» Try it: The entries that follow include a run beginning at the line with "#189=IFCRELAGGREGATES('0000000000000000000021',$,$,$,#8,(#16));" and ending at the line with "#210=IFCMATERIAL('Aluminium',$,'aluminium');"; restate that run word for word and leave the rest out.
═════ Records for the task ═════
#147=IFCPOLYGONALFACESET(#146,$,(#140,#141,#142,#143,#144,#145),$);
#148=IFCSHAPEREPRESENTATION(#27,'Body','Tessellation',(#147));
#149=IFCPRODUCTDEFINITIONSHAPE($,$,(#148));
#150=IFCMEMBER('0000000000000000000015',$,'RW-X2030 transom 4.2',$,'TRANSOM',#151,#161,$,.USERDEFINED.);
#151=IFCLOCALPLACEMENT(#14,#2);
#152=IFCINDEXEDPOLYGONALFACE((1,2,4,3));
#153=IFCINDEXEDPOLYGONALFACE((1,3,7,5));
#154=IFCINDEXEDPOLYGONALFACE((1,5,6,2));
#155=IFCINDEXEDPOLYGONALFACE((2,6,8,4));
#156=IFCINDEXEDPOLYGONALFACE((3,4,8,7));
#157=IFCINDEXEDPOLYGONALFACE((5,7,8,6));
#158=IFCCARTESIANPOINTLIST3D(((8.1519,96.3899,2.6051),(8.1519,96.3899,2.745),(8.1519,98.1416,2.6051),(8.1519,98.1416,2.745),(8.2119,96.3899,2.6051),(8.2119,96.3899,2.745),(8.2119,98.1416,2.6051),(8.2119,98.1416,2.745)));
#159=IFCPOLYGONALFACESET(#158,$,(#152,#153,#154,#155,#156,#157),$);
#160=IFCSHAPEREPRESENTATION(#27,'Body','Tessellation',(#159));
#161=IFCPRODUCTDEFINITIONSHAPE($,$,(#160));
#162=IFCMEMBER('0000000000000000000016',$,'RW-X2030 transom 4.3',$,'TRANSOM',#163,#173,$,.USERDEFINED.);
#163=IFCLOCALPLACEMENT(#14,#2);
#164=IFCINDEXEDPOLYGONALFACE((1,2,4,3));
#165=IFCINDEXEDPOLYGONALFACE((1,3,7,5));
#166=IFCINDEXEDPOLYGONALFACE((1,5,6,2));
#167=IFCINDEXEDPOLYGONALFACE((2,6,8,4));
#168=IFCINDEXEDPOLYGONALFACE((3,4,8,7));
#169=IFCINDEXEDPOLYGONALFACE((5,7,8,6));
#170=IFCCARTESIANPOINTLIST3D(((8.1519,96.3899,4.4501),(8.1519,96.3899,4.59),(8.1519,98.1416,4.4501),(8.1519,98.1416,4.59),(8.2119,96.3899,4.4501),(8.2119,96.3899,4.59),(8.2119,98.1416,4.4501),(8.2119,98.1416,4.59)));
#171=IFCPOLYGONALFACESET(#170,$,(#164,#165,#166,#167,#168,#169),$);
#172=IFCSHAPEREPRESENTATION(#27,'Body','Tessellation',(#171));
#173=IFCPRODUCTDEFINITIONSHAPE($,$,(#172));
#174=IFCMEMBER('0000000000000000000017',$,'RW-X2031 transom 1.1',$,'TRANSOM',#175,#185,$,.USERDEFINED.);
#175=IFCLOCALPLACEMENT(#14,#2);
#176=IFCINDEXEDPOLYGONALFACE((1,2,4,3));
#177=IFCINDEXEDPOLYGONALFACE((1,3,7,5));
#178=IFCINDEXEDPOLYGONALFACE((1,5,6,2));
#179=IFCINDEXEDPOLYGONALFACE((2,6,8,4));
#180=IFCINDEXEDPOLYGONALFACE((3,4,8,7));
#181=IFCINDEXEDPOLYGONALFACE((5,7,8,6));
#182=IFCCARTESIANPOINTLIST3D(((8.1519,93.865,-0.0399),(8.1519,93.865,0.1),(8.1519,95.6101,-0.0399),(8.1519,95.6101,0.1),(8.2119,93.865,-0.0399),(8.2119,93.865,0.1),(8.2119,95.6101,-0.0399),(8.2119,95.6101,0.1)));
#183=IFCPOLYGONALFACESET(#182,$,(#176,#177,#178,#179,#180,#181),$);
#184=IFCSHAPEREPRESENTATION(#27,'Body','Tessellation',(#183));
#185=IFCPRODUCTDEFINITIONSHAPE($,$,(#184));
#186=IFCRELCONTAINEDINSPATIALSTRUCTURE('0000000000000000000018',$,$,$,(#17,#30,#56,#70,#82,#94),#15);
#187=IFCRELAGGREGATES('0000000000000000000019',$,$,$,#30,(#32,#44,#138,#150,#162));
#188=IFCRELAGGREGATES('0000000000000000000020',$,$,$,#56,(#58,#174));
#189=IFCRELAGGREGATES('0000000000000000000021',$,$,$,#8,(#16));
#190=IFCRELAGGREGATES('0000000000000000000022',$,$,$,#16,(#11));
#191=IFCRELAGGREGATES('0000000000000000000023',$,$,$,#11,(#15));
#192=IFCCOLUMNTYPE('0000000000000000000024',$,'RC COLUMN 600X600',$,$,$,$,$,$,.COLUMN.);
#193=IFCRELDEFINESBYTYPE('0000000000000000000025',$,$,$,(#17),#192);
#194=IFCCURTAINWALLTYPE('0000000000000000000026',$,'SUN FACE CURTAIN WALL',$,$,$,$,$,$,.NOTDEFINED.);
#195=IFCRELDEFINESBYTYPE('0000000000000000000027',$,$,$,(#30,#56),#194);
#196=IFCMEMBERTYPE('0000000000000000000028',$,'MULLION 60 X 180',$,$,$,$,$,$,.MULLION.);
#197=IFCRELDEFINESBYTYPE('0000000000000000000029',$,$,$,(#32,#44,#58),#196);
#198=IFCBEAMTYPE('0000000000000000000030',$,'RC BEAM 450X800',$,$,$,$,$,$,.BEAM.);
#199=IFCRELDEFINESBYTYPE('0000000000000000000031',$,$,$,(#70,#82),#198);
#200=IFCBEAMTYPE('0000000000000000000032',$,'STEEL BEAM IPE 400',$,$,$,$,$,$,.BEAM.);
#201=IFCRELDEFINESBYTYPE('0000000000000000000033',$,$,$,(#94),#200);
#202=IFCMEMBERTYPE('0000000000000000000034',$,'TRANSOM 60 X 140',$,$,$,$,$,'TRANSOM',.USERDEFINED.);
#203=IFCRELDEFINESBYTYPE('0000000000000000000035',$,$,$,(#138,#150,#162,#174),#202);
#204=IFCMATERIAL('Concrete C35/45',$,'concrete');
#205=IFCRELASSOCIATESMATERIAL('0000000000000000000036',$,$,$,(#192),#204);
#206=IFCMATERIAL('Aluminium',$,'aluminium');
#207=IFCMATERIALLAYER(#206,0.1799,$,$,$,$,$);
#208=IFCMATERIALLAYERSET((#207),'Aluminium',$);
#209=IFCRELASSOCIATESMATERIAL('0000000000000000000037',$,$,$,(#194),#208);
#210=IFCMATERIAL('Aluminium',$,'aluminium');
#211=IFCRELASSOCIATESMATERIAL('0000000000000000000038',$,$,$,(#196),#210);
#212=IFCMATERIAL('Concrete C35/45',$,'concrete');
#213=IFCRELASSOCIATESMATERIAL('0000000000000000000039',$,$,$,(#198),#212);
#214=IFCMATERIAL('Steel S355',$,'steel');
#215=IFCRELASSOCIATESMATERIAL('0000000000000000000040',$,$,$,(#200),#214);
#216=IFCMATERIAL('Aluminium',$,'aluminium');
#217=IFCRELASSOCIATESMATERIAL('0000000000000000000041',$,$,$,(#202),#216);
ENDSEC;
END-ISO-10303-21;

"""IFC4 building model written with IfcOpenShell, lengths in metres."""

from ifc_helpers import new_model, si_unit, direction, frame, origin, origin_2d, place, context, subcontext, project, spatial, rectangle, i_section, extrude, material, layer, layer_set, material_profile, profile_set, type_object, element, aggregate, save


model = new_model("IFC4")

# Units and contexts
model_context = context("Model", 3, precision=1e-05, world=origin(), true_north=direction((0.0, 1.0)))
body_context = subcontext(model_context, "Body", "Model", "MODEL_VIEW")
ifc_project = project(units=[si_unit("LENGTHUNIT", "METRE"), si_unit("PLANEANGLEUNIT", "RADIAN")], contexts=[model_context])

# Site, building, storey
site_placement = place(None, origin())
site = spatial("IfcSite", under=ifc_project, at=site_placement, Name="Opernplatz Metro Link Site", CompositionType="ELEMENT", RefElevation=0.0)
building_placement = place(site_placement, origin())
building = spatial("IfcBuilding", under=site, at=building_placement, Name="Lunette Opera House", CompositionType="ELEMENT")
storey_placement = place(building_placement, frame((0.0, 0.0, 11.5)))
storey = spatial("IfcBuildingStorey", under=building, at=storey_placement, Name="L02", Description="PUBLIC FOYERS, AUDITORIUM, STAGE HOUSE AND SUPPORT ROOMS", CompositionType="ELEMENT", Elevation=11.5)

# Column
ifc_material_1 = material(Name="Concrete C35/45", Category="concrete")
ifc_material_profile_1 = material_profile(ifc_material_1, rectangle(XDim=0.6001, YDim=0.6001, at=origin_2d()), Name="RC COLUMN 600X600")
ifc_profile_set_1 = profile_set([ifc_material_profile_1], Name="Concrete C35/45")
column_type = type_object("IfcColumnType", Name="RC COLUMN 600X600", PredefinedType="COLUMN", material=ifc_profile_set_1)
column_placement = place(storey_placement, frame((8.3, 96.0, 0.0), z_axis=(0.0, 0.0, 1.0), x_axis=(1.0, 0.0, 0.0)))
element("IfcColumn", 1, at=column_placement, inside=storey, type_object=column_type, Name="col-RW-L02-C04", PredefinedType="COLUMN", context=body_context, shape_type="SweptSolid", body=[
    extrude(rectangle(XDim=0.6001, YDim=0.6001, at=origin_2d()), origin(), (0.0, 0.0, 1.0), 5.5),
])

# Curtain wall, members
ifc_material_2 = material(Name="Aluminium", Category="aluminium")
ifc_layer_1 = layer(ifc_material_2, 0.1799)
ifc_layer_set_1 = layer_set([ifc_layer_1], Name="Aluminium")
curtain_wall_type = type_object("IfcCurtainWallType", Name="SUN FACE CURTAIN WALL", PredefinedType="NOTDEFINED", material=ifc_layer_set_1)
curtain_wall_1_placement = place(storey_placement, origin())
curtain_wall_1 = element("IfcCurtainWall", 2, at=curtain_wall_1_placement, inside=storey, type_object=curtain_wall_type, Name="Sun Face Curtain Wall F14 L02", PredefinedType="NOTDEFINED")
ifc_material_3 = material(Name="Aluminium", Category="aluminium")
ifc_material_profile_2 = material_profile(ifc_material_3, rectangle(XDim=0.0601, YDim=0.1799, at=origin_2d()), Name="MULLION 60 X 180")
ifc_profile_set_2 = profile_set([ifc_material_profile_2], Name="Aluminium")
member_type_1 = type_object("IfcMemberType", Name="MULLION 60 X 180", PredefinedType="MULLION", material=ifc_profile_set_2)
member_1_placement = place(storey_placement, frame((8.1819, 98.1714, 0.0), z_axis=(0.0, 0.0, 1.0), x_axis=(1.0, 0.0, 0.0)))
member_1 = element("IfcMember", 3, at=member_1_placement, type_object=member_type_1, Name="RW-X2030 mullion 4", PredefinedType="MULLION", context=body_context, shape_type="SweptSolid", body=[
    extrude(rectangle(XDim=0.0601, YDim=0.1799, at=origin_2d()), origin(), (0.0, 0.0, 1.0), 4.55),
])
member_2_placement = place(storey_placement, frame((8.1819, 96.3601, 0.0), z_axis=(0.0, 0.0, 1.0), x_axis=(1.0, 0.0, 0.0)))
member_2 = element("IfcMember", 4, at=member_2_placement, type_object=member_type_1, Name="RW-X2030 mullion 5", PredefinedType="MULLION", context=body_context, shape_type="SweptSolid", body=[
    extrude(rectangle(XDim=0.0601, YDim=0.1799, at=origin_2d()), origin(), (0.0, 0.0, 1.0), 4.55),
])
═════
═════ Records for the task ═════
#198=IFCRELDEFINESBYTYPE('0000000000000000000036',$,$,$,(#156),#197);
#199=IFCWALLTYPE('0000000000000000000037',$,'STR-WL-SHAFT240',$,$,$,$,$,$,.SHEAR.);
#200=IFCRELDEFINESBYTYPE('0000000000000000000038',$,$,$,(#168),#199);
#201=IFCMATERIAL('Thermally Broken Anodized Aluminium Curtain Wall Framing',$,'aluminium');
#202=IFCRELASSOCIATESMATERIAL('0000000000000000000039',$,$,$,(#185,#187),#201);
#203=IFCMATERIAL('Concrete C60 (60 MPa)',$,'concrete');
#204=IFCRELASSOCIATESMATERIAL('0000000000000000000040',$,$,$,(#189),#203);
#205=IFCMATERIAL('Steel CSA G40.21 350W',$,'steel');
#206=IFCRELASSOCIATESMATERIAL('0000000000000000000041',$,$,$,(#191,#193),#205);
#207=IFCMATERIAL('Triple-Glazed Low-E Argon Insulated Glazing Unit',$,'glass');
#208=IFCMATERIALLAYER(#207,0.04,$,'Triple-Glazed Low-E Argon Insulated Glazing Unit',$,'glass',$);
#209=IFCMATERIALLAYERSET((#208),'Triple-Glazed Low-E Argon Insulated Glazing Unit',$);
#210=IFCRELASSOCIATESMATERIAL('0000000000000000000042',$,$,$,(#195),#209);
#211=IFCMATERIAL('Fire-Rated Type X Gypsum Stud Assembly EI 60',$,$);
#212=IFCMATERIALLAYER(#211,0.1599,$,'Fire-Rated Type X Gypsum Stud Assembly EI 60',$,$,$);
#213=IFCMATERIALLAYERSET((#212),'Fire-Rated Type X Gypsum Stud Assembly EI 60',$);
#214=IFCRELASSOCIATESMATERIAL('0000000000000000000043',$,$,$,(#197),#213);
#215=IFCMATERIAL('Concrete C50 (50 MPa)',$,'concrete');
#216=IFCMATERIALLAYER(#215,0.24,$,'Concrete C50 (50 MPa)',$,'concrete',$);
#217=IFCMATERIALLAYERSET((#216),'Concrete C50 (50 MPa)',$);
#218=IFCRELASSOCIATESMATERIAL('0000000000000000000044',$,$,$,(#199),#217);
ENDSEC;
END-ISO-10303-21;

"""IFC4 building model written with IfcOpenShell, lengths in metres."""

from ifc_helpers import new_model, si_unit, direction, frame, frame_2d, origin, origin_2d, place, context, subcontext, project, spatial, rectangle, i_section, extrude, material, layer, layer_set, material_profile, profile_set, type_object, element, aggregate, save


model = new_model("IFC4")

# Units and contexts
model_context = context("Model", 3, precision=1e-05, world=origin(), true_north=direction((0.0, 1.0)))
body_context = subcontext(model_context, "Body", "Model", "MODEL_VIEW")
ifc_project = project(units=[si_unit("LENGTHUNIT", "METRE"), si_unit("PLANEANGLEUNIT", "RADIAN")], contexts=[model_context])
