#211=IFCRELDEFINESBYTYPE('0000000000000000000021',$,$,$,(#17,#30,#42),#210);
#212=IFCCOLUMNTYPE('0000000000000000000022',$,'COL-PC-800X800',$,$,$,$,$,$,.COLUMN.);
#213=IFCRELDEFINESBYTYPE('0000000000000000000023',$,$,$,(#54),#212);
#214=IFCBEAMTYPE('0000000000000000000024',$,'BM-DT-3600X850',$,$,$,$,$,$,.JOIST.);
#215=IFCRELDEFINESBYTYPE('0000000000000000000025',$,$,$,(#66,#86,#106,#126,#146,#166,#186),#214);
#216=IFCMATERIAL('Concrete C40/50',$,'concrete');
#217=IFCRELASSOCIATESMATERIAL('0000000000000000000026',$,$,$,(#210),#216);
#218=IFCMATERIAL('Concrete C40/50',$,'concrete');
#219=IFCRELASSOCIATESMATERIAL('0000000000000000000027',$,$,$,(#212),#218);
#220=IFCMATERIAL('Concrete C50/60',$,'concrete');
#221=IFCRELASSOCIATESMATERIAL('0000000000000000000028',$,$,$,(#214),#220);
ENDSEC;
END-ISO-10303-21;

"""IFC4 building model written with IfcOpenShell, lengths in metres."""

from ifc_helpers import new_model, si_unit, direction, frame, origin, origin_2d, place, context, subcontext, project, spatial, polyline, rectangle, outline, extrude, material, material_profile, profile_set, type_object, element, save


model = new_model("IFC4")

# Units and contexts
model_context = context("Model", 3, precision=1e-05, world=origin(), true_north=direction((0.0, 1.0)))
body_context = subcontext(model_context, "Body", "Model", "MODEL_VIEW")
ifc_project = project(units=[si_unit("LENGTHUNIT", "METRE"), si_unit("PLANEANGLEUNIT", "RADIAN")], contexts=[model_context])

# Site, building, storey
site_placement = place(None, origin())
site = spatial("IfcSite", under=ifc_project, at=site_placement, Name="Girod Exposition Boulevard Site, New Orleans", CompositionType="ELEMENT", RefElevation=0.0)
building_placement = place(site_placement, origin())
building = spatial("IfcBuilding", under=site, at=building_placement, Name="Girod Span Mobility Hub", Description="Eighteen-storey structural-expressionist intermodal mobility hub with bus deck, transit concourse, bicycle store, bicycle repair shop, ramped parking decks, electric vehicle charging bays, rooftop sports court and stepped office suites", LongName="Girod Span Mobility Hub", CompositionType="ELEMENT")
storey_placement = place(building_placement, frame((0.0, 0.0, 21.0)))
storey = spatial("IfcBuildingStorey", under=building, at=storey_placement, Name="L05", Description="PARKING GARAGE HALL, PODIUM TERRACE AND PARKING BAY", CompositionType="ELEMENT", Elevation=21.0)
═════
» Result for this task:
#189=IFCRELAGGREGATES('0000000000000000000021',$,$,$,#8,(#16));
#190=IFCRELAGGREGATES('0000000000000000000022',$,$,$,#16,(#11));
#191=IFCRELAGGREGATES('0000000000000000000023',$,$,$,#11,(#15));
#192=IFCCOLUMNTYPE('0000000000000000000024',$,'RC COLUMN 600X600',$,$,$,$,$,$,.COLUMN.);
#193=IFCRELDEFINESBYTYPE('0000000000000000000025',$,$,$,(#17),#192);
#194=IFCCURTAINWALLTYPE('0000000000000000000026',$,'SUN FACE CURTAIN WALL',$,$,$,$,$,$,.NOTDEFINED.);
#195=IFCRELDEFINESBYTYPE('0000000000000000000027',$,$,$,(#30,#56),#194);
#196=IFCMEMBERTYPE('0000000000000000000028',$,'MULLION 60 X 180',$,$,$,$,$,$,.MULLION.);
#197=IFCRELDEFINESBYTYPE('0000000000000000000029',$,$,$,(#32,#44,#58),#196);
#198=IFCBEAMTYPE('0000000000000000000030',$,'RC BEAM 450X800',$,$,$,$,$,$,.BEAM.);
#199=IFCRELDEFINESBYTYPE('0000000000000000000031',$,$,$,(#70,#82),#198);
#200=IFCBEAMTYPE('0000000000000000000032',$,'STEEL BEAM IPE 400',$,$,$,$,$,$,.BEAM.);
#201=IFCRELDEFINESBYTYPE('0000000000000000000033',$,$,$,(#94),#200);
#202=IFCMEMBERTYPE('0000000000000000000034',$,'TRANSOM 60 X 140',$,$,$,$,$,'TRANSOM',.USERDEFINED.);
#203=IFCRELDEFINESBYTYPE('0000000000000000000035',$,$,$,(#138,#150,#162,#174),#202);
#204=IFCMATERIAL('Concrete C35/45',$,'concrete');
#205=IFCRELASSOCIATESMATERIAL('0000000000000000000036',$,$,$,(#192),#204);
#206=IFCMATERIAL('Aluminium',$,'aluminium');
#207=IFCMATERIALLAYER(#206,0.1799,$,$,$,$,$);
#208=IFCMATERIALLAYERSET((#207),'Aluminium',$);
#209=IFCRELASSOCIATESMATERIAL('0000000000000000000037',$,$,$,(#194),#208);
#210=IFCMATERIAL('Aluminium',$,'aluminium');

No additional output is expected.